**EXERCISE GOAL:**
Using the material below, print the line that contains "#28=IFCPOLYGONALFACESET(#27,$,(#21,#22,#23,#24,#25,#26),$);", the line that contains "#47=IFCINDEXEDPOLYGONALFACE((1,3,7,5));", and every line in between, exactly and nothing else.

**EXERCISE MATERIALS:**
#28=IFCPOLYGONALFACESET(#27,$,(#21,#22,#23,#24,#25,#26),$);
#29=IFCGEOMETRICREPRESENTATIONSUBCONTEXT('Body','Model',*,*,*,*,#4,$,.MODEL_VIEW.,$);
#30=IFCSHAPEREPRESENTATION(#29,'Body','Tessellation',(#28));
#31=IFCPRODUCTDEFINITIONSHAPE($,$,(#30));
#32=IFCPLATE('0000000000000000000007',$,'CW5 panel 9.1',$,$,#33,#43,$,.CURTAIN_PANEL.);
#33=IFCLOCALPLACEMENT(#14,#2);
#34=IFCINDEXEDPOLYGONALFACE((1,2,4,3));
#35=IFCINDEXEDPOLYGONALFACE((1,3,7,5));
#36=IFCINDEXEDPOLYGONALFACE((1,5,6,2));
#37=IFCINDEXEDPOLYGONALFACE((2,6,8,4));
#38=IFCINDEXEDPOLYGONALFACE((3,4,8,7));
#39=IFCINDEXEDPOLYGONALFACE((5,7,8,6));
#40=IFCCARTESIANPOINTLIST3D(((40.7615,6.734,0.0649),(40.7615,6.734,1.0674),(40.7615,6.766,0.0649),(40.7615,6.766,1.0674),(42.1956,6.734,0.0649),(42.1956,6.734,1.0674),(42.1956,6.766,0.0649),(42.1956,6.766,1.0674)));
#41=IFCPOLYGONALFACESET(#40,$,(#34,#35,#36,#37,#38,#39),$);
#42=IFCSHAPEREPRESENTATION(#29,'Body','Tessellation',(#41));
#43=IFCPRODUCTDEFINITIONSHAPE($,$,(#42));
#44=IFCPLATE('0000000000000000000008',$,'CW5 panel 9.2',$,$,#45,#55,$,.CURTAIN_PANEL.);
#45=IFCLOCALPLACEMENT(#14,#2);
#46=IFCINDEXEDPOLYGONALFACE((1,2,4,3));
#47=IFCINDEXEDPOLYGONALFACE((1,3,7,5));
...
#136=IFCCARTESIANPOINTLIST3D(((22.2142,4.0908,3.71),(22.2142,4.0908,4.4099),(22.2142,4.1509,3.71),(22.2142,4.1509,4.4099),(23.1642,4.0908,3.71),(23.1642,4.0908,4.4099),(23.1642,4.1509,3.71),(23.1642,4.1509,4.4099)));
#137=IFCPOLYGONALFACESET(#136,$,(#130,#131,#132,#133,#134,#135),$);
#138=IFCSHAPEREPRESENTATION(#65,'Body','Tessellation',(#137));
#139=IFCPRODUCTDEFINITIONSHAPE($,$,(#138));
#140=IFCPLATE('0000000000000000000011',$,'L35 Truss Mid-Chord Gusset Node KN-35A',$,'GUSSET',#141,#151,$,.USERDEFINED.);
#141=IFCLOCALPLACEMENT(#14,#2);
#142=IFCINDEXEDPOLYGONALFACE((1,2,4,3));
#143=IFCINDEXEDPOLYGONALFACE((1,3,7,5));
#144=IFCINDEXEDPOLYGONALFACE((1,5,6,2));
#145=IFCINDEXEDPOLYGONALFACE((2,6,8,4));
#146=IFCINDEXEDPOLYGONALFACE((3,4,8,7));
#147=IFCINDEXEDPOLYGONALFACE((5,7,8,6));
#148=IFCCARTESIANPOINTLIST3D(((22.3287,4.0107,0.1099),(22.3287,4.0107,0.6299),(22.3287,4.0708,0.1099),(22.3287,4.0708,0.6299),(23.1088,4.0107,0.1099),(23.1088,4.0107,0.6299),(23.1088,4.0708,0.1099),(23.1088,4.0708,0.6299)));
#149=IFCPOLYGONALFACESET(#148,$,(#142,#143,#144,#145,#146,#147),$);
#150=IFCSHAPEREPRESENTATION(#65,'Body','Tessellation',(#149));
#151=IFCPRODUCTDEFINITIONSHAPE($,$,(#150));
==
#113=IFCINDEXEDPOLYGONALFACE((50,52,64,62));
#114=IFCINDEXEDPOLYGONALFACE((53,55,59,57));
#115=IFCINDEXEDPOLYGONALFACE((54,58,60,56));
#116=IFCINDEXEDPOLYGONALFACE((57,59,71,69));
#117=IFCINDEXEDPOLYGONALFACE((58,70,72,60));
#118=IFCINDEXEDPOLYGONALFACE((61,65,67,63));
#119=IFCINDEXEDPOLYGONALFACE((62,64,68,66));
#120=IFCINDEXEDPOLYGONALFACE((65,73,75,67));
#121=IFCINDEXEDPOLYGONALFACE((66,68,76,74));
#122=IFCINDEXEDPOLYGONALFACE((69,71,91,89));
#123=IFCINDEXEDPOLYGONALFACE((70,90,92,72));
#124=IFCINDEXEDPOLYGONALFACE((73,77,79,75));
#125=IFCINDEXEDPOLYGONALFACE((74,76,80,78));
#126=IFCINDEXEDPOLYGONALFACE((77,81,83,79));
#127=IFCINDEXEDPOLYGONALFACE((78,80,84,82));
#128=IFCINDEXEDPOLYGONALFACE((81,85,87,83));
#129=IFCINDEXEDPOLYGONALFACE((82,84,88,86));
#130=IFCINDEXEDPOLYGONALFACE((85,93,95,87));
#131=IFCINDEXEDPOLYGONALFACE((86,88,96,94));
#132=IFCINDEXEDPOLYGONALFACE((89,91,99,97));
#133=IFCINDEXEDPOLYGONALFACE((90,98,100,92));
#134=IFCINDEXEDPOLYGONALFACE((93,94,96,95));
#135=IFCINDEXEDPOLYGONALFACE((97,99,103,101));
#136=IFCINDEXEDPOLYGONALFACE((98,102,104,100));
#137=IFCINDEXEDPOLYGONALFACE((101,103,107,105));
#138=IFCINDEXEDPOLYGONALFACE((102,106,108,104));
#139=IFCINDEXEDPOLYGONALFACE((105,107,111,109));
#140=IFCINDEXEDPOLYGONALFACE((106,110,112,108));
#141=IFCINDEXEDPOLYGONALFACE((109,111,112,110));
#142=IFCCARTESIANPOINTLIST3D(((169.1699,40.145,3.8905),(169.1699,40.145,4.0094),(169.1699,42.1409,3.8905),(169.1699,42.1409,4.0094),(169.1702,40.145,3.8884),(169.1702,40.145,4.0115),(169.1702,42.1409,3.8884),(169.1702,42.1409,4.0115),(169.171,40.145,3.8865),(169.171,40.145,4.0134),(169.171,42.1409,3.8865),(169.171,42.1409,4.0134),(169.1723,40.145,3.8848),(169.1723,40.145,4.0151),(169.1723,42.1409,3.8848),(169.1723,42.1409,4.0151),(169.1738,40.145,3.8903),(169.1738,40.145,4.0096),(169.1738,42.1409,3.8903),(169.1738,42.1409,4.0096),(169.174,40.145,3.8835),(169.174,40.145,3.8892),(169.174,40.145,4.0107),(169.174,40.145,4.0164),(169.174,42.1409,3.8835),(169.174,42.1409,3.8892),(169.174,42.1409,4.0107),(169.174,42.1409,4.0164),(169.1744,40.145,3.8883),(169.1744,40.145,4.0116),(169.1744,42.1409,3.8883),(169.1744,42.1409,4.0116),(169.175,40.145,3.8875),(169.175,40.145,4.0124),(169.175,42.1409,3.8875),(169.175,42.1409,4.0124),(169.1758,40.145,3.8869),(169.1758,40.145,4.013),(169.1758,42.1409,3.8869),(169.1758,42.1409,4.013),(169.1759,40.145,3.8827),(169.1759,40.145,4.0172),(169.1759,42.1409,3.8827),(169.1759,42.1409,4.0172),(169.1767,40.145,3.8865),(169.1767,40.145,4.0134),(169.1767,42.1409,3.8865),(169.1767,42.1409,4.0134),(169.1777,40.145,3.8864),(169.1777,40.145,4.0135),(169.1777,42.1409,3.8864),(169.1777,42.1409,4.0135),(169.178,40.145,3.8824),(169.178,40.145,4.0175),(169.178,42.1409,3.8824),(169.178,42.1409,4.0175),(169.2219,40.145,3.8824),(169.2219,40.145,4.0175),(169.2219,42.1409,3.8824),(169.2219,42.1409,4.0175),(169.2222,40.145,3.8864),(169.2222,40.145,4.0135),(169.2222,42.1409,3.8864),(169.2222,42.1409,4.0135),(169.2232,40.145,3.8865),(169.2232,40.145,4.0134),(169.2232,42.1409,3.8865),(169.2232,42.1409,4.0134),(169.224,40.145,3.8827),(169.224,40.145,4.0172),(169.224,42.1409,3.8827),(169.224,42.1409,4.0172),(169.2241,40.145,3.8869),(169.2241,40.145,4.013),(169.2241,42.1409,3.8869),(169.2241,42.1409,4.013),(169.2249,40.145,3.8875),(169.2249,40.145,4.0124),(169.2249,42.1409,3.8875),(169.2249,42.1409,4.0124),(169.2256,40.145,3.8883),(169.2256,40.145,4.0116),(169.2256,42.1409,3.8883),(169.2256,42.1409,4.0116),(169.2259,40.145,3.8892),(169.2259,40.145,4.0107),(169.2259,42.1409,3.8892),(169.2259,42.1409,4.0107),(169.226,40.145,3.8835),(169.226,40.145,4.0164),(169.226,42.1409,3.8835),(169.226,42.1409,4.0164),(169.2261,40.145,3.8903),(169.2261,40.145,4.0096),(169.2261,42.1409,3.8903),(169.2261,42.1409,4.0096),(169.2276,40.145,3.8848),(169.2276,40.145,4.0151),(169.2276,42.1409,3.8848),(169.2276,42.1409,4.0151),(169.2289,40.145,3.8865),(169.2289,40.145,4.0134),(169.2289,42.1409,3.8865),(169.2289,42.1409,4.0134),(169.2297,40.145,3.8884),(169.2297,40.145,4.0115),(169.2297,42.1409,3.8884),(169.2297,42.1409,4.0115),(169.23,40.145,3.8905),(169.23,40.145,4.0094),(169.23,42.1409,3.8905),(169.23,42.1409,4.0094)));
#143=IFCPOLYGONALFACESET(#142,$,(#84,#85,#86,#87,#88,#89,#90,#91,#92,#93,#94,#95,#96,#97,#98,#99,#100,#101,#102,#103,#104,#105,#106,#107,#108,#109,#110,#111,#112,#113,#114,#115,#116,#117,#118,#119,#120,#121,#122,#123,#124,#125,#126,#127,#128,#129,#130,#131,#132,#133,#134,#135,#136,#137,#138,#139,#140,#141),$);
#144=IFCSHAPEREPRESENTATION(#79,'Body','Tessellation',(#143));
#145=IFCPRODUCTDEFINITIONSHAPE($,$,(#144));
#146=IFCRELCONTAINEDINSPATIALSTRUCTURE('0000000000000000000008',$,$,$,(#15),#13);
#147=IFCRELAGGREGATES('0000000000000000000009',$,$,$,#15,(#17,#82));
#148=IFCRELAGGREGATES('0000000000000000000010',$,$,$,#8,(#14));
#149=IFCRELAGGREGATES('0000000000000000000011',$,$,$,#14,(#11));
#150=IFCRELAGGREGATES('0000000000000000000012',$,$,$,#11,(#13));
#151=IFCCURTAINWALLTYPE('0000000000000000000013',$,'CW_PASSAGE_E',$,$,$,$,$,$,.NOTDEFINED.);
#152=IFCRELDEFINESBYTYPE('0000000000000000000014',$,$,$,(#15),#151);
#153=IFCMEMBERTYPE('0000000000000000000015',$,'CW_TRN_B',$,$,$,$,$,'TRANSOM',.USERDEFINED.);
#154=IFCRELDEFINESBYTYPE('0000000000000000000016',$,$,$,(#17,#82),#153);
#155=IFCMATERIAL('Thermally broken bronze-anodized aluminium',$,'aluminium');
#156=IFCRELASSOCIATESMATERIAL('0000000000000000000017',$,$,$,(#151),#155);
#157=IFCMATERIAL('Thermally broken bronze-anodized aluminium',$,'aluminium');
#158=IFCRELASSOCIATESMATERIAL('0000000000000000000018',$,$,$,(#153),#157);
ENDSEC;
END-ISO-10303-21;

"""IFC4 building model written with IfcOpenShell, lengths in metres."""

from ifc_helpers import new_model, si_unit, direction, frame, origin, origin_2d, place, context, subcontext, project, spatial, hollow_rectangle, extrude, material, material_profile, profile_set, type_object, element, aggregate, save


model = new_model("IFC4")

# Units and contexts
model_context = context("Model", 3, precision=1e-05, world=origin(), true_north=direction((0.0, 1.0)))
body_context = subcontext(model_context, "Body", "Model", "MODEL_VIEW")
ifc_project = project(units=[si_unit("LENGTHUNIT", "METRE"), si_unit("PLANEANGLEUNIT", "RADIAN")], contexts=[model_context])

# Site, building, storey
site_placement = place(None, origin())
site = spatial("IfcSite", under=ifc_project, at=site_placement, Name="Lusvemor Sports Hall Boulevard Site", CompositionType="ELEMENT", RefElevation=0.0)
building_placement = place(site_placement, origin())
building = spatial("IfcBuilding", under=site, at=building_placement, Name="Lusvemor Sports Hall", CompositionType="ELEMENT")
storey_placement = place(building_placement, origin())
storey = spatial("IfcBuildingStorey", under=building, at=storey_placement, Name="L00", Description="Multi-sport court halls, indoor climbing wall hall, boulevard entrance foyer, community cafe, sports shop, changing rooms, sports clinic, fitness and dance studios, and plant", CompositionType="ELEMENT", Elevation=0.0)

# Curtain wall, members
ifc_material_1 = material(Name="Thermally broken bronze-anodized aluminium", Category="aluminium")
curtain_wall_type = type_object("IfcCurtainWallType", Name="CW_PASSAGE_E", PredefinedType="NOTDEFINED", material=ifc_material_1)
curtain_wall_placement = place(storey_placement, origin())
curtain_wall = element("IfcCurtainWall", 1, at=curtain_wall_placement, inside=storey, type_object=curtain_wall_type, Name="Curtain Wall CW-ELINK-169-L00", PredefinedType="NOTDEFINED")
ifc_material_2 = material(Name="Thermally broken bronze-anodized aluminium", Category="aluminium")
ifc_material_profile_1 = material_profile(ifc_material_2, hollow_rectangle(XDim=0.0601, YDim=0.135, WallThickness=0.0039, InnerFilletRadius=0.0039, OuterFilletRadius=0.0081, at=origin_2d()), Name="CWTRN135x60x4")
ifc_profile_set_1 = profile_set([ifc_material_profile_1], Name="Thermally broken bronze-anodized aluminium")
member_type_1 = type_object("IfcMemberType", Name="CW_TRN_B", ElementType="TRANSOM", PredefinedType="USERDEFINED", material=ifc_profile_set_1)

**RESPONSE TO THIS EXERCISE:**
#28=IFCPOLYGONALFACESET(#27,$,(#21,#22,#23,#24,#25,#26),$);
#29=IFCGEOMETRICREPRESENTATIONSUBCONTEXT('Body','Model',*,*,*,*,#4,$,.MODEL_VIEW.,$);
#30=IFCSHAPEREPRESENTATION(#29,'Body','Tessellation',(#28));
#31=IFCPRODUCTDEFINITIONSHAPE($,$,(#30));
#32=IFCPLATE('0000000000000000000007',$,'CW5 panel 9.1',$,$,#33,#43,$,.CURTAIN_PANEL.);
#33=IFCLOCALPLACEMENT(#14,#2);
#34=IFCINDEXEDPOLYGONALFACE((1,2,4,3));
#35=IFCINDEXEDPOLYGONALFACE((1,3,7,5));
#36=IFCINDEXEDPOLYGONALFACE((1,5,6,2));
#37=IFCINDEXEDPOLYGONALFACE((2,6,8,4));
#38=IFCINDEXEDPOLYGONALFACE((3,4,8,7));
#39=IFCINDEXEDPOLYGONALFACE((5,7,8,6));
#40=IFCCARTESIANPOINTLIST3D(((40.7615,6.734,0.0649),(40.7615,6.734,1.0674),(40.7615,6.766,0.0649),(40.7615,6.766,1.0674),(42.1956,6.734,0.0649),(42.1956,6.734,1.0674),(42.1956,6.766,0.0649),(42.1956,6.766,1.0674)));
#41=IFCPOLYGONALFACESET(#40,$,(#34,#35,#36,#37,#38,#39),$);
#42=IFCSHAPEREPRESENTATION(#29,'Body','Tessellation',(#41));
#43=IFCPRODUCTDEFINITIONSHAPE($,$,(#42));
#44=IFCPLATE('0000000000000000000008',$,'CW5 panel 9.2',$,$,#45,#55,$,.CURTAIN_PANEL.);
#45=IFCLOCALPLACEMENT(#14,#2);
#46=IFCINDEXEDPOLYGONALFACE((1,2,4,3));
#47=IFCINDEXEDPOLYGONALFACE((1,3,7,5));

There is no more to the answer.